─── RECORDED INFORMATION ───
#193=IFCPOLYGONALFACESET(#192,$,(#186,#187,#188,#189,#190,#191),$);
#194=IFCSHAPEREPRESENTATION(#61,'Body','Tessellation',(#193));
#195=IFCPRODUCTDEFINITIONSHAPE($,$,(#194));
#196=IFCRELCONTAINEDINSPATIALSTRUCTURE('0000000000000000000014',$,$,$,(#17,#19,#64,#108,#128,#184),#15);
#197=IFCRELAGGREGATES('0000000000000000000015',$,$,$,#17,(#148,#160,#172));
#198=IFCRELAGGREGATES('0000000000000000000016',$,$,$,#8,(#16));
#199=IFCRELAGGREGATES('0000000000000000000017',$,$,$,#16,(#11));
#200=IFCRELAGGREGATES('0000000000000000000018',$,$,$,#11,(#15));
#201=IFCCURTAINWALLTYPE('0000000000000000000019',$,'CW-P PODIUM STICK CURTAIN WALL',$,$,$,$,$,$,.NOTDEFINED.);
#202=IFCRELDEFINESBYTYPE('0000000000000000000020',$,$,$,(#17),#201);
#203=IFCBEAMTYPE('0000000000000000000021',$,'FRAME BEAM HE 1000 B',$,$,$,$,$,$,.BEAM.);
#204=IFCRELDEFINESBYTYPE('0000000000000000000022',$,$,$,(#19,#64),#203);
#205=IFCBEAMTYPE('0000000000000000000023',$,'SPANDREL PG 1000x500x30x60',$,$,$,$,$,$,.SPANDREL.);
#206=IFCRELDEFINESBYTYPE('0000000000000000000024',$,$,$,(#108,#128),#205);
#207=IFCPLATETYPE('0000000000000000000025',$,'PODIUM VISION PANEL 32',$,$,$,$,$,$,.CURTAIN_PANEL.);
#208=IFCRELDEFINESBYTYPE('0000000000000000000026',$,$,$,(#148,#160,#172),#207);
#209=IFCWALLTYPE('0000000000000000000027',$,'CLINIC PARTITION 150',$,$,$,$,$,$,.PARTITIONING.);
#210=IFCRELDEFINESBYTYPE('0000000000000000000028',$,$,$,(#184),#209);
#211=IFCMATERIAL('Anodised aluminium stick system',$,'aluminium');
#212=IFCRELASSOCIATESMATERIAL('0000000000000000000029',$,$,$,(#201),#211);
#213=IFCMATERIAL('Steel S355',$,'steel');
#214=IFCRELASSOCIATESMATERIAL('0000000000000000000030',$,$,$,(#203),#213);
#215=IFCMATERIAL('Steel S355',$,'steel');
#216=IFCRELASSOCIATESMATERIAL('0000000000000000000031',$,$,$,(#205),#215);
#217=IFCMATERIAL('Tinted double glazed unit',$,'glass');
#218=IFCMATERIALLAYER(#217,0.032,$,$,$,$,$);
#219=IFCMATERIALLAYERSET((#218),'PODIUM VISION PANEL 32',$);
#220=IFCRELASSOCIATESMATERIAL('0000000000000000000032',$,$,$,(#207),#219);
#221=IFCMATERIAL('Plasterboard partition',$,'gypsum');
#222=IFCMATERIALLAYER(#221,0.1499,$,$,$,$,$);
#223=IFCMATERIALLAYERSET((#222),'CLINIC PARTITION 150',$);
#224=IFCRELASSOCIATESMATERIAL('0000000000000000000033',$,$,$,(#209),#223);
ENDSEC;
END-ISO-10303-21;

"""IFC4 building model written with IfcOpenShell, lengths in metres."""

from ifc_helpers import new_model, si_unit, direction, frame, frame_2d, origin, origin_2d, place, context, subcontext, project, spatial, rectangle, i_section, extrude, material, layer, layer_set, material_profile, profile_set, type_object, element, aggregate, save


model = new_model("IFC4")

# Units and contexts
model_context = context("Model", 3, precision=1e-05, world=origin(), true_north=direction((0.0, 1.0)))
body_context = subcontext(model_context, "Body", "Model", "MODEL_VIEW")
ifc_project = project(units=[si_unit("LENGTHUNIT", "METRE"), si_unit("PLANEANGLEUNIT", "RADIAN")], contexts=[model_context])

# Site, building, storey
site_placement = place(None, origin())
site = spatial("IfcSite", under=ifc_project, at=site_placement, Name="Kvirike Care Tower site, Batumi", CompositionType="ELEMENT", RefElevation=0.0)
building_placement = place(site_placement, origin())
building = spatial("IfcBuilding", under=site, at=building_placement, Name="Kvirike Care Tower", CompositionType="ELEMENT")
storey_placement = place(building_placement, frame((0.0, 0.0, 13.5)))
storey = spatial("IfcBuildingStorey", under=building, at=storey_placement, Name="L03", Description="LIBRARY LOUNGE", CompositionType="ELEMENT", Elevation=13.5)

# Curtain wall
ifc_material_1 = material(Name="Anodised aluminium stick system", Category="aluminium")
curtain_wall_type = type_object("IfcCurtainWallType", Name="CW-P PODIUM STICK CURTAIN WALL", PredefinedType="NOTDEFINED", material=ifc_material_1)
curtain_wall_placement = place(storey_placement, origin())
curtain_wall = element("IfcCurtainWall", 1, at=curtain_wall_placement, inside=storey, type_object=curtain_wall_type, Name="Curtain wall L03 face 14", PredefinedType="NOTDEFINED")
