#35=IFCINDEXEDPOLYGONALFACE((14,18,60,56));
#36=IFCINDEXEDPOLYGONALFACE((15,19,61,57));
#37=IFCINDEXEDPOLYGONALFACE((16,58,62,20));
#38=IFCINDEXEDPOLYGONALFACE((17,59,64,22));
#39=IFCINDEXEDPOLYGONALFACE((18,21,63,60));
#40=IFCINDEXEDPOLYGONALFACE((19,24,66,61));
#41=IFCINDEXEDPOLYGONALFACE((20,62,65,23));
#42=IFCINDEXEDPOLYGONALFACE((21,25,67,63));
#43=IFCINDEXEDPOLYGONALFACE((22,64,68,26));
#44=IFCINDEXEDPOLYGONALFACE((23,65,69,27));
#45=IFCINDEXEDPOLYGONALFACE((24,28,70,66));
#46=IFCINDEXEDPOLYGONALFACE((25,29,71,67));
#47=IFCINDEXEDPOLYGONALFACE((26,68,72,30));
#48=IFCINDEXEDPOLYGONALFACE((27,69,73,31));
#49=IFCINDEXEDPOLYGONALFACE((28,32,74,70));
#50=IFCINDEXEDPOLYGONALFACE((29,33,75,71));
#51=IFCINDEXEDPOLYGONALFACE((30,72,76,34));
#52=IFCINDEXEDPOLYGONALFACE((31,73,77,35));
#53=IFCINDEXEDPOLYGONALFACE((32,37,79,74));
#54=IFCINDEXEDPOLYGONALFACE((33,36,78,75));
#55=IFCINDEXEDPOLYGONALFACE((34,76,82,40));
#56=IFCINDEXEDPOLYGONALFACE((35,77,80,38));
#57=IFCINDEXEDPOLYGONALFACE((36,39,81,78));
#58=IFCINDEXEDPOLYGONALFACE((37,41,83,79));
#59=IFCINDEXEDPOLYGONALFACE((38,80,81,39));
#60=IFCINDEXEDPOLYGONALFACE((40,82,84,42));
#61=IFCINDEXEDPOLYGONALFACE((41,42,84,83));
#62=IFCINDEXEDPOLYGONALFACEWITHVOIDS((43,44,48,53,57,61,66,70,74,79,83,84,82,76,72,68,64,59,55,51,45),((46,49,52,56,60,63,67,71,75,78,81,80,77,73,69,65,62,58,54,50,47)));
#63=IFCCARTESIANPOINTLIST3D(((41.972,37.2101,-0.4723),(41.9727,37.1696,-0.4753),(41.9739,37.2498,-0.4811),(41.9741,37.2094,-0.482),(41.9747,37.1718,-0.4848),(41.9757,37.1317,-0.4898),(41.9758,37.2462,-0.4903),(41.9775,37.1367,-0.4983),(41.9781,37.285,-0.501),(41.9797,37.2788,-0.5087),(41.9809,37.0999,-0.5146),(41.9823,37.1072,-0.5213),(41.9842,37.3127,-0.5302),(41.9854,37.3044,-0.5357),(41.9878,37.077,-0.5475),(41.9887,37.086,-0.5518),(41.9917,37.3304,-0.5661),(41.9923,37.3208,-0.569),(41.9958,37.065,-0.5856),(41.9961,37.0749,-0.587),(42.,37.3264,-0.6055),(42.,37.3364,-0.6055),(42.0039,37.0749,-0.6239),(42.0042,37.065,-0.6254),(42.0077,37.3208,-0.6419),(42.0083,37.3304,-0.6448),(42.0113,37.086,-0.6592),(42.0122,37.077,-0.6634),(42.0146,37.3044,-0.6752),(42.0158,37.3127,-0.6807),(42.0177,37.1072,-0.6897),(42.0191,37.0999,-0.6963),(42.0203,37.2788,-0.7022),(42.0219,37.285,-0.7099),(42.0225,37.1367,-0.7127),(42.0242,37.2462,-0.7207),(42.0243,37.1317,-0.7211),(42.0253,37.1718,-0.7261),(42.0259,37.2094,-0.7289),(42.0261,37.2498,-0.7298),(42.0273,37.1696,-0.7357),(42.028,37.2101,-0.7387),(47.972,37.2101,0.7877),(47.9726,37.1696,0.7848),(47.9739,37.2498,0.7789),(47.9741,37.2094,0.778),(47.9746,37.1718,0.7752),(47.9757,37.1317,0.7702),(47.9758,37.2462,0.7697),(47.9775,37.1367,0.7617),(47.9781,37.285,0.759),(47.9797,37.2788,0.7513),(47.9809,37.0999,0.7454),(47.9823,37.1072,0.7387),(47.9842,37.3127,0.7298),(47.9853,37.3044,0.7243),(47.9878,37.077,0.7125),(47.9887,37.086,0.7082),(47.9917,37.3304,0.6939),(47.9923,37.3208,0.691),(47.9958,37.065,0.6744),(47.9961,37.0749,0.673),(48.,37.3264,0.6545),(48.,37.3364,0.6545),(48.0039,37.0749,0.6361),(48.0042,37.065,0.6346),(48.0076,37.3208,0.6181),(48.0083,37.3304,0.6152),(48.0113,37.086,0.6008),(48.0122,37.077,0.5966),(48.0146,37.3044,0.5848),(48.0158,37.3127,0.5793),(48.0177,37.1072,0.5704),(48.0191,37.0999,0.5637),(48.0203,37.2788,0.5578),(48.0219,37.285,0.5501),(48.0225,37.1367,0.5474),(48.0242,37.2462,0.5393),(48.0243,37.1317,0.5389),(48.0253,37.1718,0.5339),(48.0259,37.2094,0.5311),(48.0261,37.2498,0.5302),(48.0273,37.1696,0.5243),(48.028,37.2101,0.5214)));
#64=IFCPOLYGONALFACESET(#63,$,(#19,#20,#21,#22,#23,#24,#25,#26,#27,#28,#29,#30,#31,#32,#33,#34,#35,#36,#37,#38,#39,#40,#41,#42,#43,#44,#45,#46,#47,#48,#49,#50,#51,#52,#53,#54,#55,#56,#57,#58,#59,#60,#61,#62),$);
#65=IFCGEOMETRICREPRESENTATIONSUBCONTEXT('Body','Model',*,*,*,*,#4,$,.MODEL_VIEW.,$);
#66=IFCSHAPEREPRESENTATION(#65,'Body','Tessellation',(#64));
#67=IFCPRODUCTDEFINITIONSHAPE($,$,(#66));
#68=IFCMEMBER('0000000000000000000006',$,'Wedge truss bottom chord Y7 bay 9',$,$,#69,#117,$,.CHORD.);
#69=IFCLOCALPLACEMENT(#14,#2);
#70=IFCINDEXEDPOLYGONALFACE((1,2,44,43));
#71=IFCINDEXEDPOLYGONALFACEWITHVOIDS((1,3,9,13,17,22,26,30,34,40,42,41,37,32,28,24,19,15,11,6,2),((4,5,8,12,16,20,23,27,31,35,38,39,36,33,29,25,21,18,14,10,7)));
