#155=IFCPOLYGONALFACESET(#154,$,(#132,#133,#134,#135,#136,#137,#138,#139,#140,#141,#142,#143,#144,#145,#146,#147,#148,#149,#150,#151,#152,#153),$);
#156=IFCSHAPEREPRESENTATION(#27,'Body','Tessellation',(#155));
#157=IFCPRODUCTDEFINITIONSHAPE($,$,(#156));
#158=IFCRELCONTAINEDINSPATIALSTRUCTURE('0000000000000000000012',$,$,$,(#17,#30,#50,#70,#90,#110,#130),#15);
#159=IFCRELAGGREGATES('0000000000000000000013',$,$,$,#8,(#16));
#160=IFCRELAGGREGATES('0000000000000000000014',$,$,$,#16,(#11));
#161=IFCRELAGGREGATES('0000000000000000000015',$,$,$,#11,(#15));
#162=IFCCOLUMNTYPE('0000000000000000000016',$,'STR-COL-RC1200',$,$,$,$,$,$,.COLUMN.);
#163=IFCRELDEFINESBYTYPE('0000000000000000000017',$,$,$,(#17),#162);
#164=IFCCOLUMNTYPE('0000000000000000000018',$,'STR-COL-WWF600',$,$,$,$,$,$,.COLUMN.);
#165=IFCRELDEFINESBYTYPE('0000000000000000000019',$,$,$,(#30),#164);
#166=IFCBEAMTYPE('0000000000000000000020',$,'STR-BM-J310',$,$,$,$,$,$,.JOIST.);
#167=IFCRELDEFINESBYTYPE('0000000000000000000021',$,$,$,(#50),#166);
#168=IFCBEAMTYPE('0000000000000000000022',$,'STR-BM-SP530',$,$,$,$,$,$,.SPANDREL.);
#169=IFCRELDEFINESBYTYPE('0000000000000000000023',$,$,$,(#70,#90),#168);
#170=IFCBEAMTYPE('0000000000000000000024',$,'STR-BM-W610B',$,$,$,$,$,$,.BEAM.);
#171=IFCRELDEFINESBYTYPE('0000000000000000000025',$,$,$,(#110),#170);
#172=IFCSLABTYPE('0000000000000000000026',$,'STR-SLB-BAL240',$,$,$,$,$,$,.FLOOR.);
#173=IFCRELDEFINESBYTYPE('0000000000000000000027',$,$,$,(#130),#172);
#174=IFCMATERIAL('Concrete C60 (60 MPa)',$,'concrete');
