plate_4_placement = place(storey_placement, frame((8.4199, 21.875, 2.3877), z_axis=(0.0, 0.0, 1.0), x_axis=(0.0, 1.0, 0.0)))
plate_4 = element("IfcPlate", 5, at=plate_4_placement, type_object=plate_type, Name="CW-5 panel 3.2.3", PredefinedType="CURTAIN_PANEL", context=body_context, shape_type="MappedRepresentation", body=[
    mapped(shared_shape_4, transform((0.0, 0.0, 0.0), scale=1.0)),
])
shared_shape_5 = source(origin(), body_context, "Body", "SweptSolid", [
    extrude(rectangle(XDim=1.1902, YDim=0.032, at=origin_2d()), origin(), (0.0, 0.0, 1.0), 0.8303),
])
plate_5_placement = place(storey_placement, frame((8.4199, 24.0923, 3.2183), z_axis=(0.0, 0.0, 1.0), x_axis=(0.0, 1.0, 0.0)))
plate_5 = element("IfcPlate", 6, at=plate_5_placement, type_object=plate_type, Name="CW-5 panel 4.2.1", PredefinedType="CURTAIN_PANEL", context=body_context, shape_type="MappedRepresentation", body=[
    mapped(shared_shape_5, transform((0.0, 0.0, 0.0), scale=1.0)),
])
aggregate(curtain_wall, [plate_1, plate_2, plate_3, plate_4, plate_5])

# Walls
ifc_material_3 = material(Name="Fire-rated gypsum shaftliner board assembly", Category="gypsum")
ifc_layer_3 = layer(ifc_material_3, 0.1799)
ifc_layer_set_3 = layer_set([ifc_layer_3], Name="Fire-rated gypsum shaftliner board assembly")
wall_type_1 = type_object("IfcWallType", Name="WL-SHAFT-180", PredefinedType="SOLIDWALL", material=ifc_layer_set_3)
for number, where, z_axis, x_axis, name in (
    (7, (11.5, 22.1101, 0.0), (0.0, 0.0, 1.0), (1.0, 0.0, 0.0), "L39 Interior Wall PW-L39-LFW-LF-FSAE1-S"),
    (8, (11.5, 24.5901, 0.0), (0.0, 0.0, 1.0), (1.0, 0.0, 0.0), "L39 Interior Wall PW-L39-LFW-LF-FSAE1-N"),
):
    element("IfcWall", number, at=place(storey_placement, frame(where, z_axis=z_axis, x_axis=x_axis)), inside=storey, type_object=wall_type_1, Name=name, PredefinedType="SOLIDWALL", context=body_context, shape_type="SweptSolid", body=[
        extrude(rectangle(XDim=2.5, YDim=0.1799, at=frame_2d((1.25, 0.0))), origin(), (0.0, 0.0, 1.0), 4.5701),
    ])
───
INSTRUCTIONS TO FOLLOW: Among the lines above, list those that contain the word "IFCCOLUMNTYPE".

YOUR SOLUTION:
#162=IFCCOLUMNTYPE('0000000000000000000016',$,'STR-COL-RC1200',$,$,$,$,$,$,.COLUMN.);
#164=IFCCOLUMNTYPE('0000000000000000000018',$,'STR-COL-WWF600',$,$,$,$,$,$,.COLUMN.);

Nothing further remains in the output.